- **MATERIAL FOR THE TASK**:

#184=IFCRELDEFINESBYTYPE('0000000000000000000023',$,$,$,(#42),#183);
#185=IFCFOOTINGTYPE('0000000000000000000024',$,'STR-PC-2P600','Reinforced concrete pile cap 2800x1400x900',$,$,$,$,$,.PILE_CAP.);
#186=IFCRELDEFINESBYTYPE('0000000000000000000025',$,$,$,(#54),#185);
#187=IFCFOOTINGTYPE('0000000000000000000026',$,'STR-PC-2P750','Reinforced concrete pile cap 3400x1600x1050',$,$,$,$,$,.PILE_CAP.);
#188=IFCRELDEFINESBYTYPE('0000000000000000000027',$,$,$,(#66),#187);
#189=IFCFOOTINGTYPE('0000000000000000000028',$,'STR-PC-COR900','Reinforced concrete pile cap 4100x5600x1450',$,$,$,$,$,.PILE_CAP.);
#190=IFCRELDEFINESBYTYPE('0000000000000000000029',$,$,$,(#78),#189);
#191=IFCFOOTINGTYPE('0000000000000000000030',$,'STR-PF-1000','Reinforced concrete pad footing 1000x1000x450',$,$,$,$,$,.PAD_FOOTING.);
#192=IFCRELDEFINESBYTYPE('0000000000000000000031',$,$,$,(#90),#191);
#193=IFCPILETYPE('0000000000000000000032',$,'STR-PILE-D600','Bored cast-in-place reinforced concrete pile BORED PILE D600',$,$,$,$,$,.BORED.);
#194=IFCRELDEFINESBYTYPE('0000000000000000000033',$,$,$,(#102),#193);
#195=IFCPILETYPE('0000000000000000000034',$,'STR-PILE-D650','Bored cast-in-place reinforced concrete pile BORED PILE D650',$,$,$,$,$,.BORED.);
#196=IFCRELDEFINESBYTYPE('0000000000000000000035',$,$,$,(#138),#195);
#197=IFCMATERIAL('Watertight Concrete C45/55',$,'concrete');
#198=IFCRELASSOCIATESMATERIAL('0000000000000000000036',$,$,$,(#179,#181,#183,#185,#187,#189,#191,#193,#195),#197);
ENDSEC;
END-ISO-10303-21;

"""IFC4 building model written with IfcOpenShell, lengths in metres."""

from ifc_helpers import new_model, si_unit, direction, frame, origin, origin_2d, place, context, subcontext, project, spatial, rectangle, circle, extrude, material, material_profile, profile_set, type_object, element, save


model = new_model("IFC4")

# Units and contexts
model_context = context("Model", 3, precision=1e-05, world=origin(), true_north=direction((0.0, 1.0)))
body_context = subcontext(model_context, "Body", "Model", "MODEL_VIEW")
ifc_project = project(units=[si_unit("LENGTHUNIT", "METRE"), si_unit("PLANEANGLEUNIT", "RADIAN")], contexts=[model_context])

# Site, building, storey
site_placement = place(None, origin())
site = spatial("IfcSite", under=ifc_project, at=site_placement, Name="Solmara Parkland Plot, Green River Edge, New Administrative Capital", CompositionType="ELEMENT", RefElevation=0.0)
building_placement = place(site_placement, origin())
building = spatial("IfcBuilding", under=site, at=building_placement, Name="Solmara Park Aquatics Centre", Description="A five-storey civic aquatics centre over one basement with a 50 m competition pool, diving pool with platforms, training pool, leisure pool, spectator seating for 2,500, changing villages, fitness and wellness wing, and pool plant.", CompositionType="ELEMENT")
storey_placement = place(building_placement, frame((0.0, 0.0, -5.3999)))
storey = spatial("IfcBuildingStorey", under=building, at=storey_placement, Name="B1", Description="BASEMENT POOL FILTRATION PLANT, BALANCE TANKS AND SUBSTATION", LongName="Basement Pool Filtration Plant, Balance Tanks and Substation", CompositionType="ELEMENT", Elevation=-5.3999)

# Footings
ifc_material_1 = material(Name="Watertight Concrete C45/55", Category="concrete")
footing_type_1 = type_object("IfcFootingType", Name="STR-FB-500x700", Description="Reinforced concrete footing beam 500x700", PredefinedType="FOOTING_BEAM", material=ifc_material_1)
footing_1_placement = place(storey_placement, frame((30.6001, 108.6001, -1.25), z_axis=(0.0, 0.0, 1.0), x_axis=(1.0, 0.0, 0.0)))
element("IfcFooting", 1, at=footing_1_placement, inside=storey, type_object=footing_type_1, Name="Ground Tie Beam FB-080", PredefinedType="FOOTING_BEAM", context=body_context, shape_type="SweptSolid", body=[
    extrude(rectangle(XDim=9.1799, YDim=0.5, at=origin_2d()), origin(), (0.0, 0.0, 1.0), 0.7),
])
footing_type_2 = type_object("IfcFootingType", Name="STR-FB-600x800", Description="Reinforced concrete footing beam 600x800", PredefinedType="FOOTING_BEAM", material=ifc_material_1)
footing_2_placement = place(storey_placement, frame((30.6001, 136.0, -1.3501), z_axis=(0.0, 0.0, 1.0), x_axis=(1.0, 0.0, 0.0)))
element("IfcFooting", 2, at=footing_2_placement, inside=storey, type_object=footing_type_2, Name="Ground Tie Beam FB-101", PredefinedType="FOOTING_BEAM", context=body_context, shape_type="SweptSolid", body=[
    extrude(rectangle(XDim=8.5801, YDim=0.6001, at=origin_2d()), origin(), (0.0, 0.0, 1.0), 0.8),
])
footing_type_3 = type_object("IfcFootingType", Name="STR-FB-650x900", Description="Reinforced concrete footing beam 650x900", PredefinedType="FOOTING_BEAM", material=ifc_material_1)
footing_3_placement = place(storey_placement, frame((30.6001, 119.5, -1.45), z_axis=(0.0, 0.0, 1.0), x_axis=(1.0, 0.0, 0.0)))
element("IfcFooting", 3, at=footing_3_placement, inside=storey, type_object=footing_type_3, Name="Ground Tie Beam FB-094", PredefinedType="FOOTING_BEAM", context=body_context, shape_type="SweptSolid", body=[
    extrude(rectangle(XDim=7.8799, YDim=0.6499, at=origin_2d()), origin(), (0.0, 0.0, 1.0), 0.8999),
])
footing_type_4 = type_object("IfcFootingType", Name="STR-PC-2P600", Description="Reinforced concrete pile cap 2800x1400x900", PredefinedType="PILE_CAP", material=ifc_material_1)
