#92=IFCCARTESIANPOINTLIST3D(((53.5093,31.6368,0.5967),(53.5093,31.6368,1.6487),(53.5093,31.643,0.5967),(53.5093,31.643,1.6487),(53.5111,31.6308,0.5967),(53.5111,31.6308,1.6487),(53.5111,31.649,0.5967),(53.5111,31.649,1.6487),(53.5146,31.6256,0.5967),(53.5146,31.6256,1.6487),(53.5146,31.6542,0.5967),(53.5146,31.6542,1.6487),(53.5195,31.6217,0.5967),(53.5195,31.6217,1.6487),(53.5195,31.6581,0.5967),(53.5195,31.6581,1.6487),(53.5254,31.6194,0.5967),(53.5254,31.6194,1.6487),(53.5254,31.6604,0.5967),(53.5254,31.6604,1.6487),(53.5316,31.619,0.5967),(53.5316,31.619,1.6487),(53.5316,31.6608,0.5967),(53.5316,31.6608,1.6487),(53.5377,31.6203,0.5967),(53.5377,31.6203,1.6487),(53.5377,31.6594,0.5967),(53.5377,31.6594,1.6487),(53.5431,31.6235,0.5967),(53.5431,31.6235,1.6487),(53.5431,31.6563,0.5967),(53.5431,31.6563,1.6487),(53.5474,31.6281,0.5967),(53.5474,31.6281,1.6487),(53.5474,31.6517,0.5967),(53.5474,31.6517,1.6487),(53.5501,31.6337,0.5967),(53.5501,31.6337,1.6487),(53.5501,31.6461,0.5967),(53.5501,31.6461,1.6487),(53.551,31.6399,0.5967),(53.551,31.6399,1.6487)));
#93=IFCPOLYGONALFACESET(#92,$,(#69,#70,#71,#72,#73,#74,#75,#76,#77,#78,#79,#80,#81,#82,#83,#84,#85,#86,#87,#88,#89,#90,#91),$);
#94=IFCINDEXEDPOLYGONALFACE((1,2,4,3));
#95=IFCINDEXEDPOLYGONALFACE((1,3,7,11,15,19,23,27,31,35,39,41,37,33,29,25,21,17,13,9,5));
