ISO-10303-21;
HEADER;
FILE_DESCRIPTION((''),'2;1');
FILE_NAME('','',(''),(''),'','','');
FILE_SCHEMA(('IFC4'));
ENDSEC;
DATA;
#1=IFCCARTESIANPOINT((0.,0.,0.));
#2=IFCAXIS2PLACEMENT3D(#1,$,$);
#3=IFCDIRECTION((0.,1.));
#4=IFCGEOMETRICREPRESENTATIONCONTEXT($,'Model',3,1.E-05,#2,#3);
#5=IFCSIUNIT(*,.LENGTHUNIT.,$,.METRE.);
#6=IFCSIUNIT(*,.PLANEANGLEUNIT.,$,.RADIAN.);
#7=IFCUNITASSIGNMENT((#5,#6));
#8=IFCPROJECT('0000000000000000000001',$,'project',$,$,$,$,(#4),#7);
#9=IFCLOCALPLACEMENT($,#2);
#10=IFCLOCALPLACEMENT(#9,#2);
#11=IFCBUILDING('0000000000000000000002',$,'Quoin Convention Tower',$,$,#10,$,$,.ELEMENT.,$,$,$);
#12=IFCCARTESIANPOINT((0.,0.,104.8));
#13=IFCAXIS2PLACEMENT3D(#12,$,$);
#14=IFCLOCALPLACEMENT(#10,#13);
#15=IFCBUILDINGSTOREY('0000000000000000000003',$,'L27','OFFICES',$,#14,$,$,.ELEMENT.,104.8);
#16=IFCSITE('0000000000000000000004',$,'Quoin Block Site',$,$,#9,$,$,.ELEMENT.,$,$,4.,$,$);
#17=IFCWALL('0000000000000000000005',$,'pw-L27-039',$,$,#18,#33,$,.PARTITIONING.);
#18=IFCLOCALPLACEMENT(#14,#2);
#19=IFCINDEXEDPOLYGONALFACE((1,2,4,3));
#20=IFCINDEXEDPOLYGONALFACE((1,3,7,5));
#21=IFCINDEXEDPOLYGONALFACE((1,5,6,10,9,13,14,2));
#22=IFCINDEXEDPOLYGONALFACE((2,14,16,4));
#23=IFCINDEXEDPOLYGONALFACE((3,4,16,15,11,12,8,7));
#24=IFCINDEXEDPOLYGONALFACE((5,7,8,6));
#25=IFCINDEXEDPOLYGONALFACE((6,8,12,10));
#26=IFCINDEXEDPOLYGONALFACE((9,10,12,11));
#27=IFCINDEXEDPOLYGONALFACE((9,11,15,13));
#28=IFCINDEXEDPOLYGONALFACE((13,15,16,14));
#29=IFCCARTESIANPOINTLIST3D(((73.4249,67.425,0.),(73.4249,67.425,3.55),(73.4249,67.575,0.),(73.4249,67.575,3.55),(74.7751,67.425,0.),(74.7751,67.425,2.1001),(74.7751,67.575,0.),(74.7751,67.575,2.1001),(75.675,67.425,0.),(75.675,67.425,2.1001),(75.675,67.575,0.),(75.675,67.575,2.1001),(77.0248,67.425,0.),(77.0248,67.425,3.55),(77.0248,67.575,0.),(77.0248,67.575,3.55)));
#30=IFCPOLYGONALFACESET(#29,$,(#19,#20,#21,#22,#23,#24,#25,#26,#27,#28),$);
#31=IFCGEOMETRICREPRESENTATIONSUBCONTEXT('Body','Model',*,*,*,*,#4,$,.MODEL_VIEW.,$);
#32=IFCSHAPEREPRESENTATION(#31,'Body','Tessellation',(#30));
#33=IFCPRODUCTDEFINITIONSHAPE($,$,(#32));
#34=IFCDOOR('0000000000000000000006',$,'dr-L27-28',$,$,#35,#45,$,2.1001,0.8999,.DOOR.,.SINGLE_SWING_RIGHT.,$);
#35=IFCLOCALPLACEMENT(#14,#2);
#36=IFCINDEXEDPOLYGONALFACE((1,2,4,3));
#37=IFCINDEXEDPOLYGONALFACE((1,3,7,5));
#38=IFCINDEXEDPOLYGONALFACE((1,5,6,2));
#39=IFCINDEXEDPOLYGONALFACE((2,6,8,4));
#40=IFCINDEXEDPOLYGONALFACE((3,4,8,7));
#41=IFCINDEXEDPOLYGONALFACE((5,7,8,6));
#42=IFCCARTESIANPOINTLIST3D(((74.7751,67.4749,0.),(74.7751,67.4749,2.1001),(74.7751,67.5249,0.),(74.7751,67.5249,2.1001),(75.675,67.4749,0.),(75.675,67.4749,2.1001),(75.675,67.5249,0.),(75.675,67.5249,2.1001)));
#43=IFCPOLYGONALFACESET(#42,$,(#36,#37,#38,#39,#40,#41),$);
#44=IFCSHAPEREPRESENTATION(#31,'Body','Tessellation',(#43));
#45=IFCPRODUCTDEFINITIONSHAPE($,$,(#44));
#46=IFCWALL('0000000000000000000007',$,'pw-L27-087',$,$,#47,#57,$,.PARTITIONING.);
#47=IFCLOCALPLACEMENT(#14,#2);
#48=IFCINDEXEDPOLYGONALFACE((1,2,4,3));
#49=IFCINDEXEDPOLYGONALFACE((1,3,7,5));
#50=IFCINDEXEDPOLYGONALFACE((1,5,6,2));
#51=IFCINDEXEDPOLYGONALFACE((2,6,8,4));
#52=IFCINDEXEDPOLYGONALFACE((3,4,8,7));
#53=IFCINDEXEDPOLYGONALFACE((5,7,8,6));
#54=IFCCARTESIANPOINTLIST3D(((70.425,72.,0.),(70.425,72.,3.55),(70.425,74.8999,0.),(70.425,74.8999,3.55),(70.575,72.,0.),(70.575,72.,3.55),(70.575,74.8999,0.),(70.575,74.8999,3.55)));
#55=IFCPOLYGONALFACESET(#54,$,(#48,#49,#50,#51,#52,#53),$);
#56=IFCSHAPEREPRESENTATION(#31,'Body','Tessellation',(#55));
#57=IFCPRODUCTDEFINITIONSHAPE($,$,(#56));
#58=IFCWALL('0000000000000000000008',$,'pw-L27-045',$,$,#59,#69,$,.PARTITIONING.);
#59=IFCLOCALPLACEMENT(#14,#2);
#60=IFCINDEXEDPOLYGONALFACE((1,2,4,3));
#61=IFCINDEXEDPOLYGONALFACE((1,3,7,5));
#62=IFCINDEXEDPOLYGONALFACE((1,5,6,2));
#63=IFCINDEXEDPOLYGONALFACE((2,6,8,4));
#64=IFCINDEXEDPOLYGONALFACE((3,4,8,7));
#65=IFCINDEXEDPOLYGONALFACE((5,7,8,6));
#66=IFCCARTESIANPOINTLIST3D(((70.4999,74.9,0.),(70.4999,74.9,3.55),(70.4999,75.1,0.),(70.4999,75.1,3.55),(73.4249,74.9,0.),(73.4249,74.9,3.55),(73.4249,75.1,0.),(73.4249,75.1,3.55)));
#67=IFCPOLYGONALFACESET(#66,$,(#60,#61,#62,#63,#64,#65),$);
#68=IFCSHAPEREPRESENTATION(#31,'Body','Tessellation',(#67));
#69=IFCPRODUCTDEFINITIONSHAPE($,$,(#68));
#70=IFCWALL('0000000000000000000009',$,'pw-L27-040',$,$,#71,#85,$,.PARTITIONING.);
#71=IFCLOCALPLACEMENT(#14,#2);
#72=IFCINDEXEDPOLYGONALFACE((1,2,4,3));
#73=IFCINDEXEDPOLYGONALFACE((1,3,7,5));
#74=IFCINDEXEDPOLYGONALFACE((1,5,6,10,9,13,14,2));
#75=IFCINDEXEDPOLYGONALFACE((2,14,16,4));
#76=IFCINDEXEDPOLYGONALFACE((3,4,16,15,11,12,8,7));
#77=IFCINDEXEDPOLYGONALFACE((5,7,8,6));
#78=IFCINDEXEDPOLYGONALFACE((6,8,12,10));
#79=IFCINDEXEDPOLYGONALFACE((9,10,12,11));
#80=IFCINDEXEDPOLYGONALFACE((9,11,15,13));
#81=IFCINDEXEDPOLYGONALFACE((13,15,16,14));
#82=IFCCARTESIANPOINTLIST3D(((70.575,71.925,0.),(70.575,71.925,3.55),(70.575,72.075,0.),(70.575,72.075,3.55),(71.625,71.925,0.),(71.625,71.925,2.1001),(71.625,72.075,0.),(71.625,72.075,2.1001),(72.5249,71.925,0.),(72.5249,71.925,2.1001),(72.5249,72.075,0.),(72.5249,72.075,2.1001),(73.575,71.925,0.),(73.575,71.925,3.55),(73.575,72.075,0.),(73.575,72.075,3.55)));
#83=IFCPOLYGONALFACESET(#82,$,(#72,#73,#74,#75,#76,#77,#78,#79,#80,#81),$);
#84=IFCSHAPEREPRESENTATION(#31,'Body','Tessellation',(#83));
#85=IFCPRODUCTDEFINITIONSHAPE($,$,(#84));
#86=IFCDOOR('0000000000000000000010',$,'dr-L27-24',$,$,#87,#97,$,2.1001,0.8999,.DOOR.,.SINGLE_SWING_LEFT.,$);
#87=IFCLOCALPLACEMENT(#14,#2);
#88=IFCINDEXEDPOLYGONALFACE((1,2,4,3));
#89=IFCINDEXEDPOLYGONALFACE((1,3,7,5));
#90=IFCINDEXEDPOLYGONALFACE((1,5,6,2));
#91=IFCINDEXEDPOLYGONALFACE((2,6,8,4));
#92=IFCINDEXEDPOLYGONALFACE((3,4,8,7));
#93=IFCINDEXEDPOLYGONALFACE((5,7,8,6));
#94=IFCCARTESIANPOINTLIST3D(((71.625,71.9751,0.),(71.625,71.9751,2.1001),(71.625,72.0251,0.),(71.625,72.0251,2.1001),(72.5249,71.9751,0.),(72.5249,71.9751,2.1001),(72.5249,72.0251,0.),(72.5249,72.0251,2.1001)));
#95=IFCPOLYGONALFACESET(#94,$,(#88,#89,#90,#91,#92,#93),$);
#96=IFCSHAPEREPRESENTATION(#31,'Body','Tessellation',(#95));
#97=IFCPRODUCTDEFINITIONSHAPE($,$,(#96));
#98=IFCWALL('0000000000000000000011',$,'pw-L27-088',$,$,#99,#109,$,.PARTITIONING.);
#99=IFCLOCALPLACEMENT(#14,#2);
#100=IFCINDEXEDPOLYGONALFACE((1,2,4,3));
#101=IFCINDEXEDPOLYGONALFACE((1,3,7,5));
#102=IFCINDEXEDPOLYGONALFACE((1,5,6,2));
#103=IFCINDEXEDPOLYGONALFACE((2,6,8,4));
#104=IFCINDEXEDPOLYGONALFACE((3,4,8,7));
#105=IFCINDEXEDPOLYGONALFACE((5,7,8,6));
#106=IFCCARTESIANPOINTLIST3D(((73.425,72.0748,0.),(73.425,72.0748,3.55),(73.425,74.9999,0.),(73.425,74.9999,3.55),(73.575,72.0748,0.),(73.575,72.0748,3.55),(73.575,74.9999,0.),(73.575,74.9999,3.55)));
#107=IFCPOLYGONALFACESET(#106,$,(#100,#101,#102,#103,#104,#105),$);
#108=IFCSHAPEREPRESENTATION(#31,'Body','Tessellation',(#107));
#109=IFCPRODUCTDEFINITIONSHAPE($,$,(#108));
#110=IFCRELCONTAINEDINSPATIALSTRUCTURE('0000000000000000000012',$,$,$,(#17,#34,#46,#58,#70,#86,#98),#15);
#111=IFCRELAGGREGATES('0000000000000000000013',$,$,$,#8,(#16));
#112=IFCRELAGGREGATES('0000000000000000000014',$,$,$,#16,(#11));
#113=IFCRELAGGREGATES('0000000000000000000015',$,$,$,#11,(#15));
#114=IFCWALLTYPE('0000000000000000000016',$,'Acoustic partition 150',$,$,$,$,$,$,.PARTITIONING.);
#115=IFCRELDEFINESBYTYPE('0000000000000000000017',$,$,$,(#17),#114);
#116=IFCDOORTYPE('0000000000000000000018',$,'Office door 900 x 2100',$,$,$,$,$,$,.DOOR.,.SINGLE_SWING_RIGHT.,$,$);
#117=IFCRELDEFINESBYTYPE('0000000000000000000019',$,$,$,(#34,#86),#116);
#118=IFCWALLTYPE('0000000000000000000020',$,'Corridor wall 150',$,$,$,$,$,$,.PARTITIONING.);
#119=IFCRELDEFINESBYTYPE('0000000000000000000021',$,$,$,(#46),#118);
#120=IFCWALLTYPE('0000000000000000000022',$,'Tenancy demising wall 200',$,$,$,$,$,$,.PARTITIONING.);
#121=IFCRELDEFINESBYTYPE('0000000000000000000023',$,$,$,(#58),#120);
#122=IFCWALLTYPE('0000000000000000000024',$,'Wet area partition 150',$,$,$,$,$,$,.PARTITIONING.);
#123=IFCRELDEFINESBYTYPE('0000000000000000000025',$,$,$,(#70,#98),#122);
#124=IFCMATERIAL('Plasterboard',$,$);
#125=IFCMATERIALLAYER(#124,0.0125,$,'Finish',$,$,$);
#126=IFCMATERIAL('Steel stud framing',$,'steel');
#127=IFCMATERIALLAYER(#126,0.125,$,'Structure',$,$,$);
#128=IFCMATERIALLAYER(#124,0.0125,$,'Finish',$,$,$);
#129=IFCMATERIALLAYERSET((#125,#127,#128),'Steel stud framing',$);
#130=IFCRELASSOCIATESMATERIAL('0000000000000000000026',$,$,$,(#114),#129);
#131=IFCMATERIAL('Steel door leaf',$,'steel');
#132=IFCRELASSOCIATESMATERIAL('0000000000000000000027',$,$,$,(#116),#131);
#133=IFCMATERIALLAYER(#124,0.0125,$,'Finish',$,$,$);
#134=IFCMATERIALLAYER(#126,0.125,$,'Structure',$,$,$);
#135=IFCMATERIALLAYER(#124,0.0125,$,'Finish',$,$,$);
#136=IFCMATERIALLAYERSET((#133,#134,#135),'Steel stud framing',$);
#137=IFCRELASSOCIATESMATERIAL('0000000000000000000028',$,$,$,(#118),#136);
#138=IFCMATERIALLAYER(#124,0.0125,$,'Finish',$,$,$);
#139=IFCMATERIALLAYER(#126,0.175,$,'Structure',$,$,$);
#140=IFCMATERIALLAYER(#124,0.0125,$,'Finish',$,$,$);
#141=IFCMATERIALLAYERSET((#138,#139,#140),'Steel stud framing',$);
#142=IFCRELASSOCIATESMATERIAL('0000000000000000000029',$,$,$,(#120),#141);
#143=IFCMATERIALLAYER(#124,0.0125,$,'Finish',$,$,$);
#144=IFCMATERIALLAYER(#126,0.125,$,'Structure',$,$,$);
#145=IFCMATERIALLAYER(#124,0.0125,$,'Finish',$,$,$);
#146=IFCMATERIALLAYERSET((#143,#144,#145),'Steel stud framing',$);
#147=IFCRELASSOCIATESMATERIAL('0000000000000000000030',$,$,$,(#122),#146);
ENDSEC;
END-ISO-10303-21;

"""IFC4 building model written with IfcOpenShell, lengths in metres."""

from ifc_helpers import new_model, si_unit, direction, frame, frame_2d, origin, place, context, subcontext, project, spatial, rectangle, extrude, material, layer, layer_set, type_object, element, fill, save


model = new_model("IFC4")

# Units and contexts
model_context = context("Model", 3, precision=1e-05, world=origin(), true_north=direction((0.0, 1.0)))
body_context = subcontext(model_context, "Body", "Model", "MODEL_VIEW")
ifc_project = project(units=[si_unit("LENGTHUNIT", "METRE"), si_unit("PLANEANGLEUNIT", "RADIAN")], contexts=[model_context])

# Site, building, storey
site_placement = place(None, origin())
site = spatial("IfcSite", under=ifc_project, at=site_placement, Name="Quoin Block Site", CompositionType="ELEMENT", RefElevation=4.0)
building_placement = place(site_placement, origin())
building = spatial("IfcBuilding", under=site, at=building_placement, Name="Quoin Convention Tower", CompositionType="ELEMENT")
storey_placement = place(building_placement, frame((0.0, 0.0, 104.8)))
storey = spatial("IfcBuildingStorey", under=building, at=storey_placement, Name="L27", Description="OFFICES", CompositionType="ELEMENT", Elevation=104.8)

# Wall, opening, door
ifc_material_1 = material(Name="Plasterboard")
ifc_layer_1 = layer(ifc_material_1, 0.0125, Name="Finish")
ifc_material_2 = material(Name="Steel stud framing", Category="steel")
ifc_layer_2 = layer(ifc_material_2, 0.125, Name="Structure")
ifc_layer_3 = layer(ifc_material_1, 0.0125, Name="Finish")
ifc_layer_set_1 = layer_set([ifc_layer_1, ifc_layer_2, ifc_layer_3], Name="Steel stud framing")
wall_type_1 = type_object("IfcWallType", Name="Acoustic partition 150", PredefinedType="PARTITIONING", material=ifc_layer_set_1)
wall_1_placement = place(storey_placement, frame((73.425, 67.5, 0.0), z_axis=(0.0, 0.0, 1.0), x_axis=(1.0, 0.0, 0.0)))
wall_1 = element("IfcWall", 1, at=wall_1_placement, inside=storey, type_object=wall_type_1, Name="pw-L27-039", PredefinedType="PARTITIONING", context=body_context, shape_type="SweptSolid", body=[
    extrude(rectangle(XDim=3.5999, YDim=0.1499, at=frame_2d((1.7998, 0.0))), origin(), (0.0, 0.0, 1.0), 3.55),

- **WHAT IS EXPECTED**:
Only one stretch of the entries above is wanted: the lines from the one containing "#87=IFCLOCALPLACEMENT(#14,#2);" through the one containing "#97=IFCPRODUCTDEFINITIONSHAPE($,$,(#96));". Please reproduce it exactly.

- **RESULT**:
#87=IFCLOCALPLACEMENT(#14,#2);
#88=IFCINDEXEDPOLYGONALFACE((1,2,4,3));
#89=IFCINDEXEDPOLYGONALFACE((1,3,7,5));
#90=IFCINDEXEDPOLYGONALFACE((1,5,6,2));
#91=IFCINDEXEDPOLYGONALFACE((2,6,8,4));
#92=IFCINDEXEDPOLYGONALFACE((3,4,8,7));
#93=IFCINDEXEDPOLYGONALFACE((5,7,8,6));
#94=IFCCARTESIANPOINTLIST3D(((71.625,71.9751,0.),(71.625,71.9751,2.1001),(71.625,72.0251,0.),(71.625,72.0251,2.1001),(72.5249,71.9751,0.),(72.5249,71.9751,2.1001),(72.5249,72.0251,0.),(72.5249,72.0251,2.1001)));
#95=IFCPOLYGONALFACESET(#94,$,(#88,#89,#90,#91,#92,#93),$);
#96=IFCSHAPEREPRESENTATION(#31,'Body','Tessellation',(#95));
#97=IFCPRODUCTDEFINITIONSHAPE($,$,(#96));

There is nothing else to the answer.